When you reach the line with "#109=IFCINDEXEDPOLYGONALFACE((21,27,83,77));" in the data below, begin printing lines exactly, and stop once the line with "#125=IFCINDEXEDPOLYGONALFACE((37,93,95,39));" has been printed.

(Saved entries)

++++

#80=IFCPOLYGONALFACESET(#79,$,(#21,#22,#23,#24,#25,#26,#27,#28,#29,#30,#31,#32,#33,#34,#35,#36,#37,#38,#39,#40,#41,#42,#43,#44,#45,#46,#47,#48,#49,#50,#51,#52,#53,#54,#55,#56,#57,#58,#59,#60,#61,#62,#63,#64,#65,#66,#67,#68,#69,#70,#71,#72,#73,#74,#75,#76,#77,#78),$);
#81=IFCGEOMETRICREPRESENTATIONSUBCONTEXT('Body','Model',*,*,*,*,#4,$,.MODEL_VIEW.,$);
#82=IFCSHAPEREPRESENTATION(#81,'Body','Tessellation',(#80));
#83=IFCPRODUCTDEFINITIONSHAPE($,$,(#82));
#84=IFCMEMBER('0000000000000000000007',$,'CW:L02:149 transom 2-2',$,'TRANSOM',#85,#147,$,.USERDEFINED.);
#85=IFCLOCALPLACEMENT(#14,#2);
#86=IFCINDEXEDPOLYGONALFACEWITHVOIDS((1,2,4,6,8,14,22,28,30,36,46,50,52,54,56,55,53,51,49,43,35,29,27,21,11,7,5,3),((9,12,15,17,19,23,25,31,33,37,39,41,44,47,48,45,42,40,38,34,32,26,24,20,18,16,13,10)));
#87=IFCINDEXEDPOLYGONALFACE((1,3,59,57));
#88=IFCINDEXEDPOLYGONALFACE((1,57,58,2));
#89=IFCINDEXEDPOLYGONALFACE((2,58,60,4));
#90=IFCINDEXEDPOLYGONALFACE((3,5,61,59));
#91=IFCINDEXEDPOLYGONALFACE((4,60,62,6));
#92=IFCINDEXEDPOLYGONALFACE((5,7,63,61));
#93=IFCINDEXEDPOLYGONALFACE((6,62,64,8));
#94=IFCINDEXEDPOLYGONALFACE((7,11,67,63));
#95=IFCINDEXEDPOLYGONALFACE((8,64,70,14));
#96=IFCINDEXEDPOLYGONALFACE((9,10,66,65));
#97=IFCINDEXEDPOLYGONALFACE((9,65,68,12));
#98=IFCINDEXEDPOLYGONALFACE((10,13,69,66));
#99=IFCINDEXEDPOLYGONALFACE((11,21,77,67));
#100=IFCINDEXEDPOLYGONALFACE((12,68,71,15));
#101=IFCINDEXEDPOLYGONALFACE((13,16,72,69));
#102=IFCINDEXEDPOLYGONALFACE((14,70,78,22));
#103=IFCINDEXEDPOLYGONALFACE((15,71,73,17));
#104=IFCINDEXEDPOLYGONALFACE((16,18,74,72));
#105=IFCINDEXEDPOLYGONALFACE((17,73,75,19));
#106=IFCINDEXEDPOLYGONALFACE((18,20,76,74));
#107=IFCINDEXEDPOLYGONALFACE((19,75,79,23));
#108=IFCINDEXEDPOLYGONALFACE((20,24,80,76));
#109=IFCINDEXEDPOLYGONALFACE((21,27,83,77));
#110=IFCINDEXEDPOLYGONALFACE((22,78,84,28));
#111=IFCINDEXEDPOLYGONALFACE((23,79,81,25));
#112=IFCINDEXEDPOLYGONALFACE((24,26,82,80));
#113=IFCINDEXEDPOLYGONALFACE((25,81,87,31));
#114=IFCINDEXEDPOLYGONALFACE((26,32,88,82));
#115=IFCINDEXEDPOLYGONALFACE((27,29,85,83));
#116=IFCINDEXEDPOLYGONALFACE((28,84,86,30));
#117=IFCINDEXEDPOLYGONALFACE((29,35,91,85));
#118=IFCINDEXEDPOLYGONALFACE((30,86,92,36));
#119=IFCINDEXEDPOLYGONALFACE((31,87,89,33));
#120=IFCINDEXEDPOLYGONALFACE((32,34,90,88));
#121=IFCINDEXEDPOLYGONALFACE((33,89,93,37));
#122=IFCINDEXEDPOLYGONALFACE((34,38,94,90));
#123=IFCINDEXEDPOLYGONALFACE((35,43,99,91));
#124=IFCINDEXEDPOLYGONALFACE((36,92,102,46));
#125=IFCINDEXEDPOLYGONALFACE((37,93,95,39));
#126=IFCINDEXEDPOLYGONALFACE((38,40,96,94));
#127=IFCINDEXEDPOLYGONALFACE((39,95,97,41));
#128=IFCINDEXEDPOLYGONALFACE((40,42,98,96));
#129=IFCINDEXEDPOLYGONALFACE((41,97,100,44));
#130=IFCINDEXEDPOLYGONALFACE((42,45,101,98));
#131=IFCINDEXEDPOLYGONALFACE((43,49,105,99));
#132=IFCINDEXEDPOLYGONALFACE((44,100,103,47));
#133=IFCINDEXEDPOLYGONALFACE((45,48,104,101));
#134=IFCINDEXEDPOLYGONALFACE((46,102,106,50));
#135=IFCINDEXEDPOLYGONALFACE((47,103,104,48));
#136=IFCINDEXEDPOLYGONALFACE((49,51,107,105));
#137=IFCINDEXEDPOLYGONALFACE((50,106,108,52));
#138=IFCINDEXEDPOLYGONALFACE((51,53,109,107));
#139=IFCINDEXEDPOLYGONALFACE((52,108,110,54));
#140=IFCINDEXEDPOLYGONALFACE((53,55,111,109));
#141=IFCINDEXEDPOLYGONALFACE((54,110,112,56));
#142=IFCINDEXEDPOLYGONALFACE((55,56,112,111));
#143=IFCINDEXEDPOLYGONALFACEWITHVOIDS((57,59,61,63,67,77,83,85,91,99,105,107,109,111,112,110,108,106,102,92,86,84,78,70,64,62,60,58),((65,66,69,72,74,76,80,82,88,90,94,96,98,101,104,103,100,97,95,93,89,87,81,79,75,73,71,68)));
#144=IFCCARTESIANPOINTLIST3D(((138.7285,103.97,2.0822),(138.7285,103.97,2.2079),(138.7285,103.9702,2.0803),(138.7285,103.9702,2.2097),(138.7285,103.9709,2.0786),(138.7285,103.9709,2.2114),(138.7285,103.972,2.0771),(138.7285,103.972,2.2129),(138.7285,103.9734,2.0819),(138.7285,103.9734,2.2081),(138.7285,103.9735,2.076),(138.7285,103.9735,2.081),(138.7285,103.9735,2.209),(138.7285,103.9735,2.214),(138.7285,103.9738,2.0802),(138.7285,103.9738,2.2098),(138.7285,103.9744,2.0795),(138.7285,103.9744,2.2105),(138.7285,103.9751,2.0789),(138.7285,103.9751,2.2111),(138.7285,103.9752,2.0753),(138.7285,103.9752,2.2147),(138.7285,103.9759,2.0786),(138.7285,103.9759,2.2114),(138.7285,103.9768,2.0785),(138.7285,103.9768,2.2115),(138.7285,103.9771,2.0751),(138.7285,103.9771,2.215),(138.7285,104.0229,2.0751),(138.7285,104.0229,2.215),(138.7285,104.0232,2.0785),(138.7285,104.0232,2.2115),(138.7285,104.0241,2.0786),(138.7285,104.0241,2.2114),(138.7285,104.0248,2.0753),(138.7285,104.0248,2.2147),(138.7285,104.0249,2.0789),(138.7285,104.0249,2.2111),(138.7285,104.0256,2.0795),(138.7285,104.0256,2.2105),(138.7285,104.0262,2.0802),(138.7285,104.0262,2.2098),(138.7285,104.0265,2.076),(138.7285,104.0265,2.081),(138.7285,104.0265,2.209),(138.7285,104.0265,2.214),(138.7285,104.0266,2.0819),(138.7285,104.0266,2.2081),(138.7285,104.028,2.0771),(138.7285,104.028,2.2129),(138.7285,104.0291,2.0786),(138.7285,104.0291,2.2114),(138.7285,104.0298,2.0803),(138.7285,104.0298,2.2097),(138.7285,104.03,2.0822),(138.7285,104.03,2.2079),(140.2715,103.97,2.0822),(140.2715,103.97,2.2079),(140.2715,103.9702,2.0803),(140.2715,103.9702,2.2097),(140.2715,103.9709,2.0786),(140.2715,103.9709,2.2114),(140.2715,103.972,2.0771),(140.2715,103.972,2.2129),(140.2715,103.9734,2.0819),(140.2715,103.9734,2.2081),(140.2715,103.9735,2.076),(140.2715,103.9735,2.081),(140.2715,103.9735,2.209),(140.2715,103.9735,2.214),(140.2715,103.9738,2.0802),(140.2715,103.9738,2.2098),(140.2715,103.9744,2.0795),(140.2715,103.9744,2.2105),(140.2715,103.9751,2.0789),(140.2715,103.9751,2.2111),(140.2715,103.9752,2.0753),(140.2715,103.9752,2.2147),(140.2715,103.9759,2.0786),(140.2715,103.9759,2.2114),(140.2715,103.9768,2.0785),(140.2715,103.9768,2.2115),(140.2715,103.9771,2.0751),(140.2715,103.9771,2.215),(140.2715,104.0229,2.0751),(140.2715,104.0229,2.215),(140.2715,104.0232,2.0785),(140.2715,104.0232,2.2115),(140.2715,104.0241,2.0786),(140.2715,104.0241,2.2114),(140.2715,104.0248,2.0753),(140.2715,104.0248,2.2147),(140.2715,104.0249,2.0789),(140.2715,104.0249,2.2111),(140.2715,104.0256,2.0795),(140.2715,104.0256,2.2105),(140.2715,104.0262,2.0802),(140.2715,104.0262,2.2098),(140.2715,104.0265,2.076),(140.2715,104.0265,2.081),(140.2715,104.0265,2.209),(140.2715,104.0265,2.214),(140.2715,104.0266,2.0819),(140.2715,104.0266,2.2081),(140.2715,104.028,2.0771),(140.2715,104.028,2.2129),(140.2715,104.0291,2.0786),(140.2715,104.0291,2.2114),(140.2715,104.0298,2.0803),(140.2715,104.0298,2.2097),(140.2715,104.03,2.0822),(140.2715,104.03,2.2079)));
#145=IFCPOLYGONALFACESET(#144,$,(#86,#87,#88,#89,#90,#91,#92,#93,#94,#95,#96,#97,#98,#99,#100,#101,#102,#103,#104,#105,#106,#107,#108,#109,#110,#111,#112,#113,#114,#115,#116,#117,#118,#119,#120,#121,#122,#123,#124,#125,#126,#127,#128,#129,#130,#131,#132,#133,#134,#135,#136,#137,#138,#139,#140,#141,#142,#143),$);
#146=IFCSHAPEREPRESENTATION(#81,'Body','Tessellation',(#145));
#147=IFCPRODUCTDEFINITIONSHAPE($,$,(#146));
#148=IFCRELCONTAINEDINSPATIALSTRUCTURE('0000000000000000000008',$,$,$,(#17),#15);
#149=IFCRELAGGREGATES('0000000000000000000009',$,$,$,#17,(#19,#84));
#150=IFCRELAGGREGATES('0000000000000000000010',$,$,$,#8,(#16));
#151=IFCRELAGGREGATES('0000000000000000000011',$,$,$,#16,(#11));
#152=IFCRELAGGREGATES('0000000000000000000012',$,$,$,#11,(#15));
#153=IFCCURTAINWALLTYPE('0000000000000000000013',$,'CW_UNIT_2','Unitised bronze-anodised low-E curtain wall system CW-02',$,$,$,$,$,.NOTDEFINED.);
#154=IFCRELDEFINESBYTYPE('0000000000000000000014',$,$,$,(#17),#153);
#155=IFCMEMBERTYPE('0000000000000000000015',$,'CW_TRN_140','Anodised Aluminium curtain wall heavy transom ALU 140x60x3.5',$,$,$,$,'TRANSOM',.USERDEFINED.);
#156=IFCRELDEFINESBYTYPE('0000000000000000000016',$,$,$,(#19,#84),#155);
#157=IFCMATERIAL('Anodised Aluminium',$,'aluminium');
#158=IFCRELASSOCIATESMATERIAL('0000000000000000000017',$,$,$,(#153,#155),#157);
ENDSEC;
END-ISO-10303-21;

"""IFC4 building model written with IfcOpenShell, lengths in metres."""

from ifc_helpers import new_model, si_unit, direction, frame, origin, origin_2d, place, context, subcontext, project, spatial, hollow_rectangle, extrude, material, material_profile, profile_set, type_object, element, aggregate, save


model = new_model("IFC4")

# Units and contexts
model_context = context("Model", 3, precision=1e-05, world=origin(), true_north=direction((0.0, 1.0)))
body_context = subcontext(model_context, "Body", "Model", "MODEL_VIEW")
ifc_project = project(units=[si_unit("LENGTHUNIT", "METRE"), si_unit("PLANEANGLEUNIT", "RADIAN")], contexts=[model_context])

++++

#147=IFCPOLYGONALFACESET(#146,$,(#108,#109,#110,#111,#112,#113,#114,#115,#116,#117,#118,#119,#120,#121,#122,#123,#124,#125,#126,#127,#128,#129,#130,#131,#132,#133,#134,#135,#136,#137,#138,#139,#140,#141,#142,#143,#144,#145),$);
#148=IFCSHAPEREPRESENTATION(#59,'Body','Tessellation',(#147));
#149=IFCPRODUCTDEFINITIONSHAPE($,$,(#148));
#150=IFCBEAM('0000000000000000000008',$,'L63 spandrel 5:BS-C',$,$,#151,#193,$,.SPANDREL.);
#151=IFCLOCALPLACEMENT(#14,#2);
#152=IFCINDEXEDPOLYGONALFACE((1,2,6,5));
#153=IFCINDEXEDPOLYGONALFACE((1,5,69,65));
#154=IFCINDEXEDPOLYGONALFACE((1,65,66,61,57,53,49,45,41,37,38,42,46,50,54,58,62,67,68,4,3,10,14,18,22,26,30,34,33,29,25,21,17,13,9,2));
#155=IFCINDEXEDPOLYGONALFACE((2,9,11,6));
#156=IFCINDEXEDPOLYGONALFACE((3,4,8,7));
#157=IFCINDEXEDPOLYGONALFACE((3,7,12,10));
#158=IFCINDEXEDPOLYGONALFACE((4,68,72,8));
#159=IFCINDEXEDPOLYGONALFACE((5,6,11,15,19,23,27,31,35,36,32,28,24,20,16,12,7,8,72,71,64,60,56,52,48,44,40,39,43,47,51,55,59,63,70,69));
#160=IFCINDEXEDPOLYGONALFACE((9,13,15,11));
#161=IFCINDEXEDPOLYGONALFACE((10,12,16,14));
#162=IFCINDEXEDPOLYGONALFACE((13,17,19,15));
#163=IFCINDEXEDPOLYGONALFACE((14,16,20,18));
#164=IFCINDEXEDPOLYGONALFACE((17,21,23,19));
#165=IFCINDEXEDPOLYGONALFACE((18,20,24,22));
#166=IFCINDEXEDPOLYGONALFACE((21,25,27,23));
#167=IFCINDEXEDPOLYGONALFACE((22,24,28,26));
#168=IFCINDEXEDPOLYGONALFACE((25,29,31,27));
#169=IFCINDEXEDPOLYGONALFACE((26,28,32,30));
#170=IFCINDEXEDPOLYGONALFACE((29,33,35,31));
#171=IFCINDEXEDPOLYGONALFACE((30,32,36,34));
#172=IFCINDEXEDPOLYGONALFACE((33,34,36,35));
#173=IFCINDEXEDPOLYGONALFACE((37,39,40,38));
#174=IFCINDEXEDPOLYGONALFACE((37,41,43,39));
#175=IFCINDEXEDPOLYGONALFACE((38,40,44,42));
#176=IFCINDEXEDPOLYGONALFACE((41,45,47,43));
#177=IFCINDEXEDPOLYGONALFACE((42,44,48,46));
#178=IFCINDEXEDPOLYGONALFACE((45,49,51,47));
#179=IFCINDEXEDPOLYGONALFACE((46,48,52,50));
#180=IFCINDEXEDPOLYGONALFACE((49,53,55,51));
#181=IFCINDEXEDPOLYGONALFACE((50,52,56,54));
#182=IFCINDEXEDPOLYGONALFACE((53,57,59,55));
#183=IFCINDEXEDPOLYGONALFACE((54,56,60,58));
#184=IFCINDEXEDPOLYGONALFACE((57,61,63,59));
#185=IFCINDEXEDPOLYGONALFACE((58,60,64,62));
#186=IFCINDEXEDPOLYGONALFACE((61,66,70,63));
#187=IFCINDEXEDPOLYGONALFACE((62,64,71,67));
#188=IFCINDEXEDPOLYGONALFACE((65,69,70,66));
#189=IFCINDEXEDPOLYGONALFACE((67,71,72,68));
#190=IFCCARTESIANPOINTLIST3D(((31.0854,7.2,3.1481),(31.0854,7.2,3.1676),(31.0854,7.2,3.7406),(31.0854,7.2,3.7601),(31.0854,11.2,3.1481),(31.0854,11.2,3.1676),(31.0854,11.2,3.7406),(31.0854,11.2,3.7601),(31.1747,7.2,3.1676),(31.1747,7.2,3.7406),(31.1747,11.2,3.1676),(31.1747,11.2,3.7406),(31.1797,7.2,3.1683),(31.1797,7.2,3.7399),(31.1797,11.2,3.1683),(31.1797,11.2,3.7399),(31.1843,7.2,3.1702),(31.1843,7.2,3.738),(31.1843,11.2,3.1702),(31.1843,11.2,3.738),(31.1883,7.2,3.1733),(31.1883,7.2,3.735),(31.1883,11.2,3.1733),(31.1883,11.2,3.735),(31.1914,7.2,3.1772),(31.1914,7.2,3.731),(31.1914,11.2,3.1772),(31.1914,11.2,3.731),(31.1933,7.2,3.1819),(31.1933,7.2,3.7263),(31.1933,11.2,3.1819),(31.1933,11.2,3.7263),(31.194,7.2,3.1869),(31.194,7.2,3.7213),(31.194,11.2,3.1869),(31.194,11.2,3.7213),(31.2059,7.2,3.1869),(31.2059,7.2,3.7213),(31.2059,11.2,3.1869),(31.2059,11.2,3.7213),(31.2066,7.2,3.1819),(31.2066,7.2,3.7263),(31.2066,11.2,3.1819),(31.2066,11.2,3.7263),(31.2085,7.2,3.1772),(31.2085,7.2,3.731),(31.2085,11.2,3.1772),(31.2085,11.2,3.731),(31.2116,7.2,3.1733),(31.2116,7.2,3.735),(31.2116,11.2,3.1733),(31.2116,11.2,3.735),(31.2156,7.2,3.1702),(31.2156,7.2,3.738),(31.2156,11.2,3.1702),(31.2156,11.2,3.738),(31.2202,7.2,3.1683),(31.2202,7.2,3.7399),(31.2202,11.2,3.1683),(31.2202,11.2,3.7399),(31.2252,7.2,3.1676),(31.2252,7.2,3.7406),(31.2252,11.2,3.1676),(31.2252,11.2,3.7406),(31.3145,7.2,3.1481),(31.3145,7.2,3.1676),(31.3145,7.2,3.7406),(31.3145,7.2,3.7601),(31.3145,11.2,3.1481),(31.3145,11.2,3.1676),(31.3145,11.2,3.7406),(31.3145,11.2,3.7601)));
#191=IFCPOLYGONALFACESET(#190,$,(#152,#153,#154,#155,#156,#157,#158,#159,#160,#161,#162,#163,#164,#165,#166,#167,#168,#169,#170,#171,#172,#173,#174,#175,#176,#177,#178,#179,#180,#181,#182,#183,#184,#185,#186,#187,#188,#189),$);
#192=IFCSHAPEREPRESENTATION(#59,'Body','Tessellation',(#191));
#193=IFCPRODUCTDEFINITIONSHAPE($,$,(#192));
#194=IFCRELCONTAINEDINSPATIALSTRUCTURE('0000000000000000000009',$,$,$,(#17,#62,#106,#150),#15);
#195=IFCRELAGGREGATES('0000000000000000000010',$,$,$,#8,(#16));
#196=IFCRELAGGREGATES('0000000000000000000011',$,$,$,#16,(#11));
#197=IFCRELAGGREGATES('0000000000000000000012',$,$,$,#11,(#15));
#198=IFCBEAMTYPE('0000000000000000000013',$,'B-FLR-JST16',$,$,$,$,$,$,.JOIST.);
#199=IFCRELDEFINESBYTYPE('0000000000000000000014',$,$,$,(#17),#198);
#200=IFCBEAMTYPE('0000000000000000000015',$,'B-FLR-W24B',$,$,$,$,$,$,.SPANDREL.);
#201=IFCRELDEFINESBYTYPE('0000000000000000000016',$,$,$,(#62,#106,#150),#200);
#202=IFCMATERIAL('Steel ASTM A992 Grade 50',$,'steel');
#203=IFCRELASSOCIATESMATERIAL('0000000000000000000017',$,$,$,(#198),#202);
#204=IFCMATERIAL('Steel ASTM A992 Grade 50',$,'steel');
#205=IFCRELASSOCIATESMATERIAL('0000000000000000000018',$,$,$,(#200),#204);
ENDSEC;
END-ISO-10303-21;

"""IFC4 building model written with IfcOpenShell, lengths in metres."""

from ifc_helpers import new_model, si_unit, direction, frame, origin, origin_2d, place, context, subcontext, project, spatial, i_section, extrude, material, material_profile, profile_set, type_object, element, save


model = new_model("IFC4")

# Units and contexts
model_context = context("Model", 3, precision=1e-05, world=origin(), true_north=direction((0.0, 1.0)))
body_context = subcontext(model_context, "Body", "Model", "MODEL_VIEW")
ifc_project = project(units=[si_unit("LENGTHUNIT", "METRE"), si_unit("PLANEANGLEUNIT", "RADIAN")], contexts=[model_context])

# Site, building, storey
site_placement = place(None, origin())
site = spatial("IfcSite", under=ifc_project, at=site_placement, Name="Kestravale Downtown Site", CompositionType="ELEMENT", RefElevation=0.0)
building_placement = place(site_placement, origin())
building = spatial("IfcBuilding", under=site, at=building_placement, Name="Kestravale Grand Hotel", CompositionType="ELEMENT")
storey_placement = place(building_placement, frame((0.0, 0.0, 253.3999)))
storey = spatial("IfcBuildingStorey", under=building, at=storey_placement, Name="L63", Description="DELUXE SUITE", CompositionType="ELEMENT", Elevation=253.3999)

++++

▶ _Answer to the exercise_:
#109=IFCINDEXEDPOLYGONALFACE((21,27,83,77));
#110=IFCINDEXEDPOLYGONALFACE((22,78,84,28));
#111=IFCINDEXEDPOLYGONALFACE((23,79,81,25));
#112=IFCINDEXEDPOLYGONALFACE((24,26,82,80));
#113=IFCINDEXEDPOLYGONALFACE((25,81,87,31));
#114=IFCINDEXEDPOLYGONALFACE((26,32,88,82));
#115=IFCINDEXEDPOLYGONALFACE((27,29,85,83));
#116=IFCINDEXEDPOLYGONALFACE((28,84,86,30));
#117=IFCINDEXEDPOLYGONALFACE((29,35,91,85));
#118=IFCINDEXEDPOLYGONALFACE((30,86,92,36));
#119=IFCINDEXEDPOLYGONALFACE((31,87,89,33));
#120=IFCINDEXEDPOLYGONALFACE((32,34,90,88));
#121=IFCINDEXEDPOLYGONALFACE((33,89,93,37));
#122=IFCINDEXEDPOLYGONALFACE((34,38,94,90));
#123=IFCINDEXEDPOLYGONALFACE((35,43,99,91));
#124=IFCINDEXEDPOLYGONALFACE((36,92,102,46));
#125=IFCINDEXEDPOLYGONALFACE((37,93,95,39));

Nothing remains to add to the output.